## GIVEN RECORDS
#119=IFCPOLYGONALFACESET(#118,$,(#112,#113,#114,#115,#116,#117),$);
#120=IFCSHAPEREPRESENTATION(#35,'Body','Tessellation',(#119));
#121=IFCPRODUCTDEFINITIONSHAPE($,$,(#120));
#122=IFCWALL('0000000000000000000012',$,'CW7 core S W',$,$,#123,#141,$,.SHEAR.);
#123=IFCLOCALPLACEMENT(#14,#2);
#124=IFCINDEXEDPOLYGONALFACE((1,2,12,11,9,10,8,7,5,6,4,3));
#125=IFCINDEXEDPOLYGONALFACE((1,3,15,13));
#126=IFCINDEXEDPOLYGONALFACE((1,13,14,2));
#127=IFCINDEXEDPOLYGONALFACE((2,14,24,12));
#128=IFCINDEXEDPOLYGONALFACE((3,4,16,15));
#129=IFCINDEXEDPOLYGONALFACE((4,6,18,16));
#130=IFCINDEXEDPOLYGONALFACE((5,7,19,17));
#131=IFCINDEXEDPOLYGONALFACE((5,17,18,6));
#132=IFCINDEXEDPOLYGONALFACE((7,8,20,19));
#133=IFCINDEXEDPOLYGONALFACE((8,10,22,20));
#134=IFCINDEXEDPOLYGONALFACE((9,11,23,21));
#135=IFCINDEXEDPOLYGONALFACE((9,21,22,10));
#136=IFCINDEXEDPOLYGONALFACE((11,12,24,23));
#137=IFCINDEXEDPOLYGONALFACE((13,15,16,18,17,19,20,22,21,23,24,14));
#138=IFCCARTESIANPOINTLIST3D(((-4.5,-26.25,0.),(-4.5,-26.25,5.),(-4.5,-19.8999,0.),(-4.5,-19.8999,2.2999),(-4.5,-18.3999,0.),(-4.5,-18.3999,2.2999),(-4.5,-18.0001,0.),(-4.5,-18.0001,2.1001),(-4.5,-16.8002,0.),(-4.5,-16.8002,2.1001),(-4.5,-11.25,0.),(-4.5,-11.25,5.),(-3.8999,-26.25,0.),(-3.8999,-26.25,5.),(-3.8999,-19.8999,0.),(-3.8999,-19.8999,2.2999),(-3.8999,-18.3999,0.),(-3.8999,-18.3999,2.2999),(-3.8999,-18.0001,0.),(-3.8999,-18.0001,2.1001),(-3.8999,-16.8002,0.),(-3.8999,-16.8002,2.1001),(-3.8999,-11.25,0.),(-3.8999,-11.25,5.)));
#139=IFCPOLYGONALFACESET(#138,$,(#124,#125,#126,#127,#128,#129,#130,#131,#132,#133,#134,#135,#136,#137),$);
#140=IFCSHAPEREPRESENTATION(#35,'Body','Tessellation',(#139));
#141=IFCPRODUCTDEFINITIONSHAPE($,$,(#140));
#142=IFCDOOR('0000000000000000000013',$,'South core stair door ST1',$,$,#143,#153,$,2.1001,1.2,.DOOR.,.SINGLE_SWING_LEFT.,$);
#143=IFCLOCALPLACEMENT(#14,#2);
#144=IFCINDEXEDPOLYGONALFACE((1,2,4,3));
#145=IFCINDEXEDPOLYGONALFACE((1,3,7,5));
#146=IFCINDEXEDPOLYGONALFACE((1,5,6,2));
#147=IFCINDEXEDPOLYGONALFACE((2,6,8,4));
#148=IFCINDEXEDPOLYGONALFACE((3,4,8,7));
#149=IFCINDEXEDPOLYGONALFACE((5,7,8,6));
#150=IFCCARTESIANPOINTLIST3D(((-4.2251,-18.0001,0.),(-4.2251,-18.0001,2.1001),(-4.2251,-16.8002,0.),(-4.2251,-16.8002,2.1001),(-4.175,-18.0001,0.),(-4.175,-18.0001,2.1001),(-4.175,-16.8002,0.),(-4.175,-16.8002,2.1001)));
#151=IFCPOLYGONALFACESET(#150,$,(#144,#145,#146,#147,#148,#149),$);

## EXERCISE INSTRUCTIONS
All that is wanted is an exact copy of the lines from the line holding "#145=IFCINDEXEDPOLYGONALFACE((1,3,7,5));" through the end of the material above, including both.

## ANSWER BELOW
#145=IFCINDEXEDPOLYGONALFACE((1,3,7,5));
#146=IFCINDEXEDPOLYGONALFACE((1,5,6,2));
#147=IFCINDEXEDPOLYGONALFACE((2,6,8,4));
#148=IFCINDEXEDPOLYGONALFACE((3,4,8,7));
#149=IFCINDEXEDPOLYGONALFACE((5,7,8,6));
#150=IFCCARTESIANPOINTLIST3D(((-4.2251,-18.0001,0.),(-4.2251,-18.0001,2.1001),(-4.2251,-16.8002,0.),(-4.2251,-16.8002,2.1001),(-4.175,-18.0001,0.),(-4.175,-18.0001,2.1001),(-4.175,-16.8002,0.),(-4.175,-16.8002,2.1001)));
#151=IFCPOLYGONALFACESET(#150,$,(#144,#145,#146,#147,#148,#149),$);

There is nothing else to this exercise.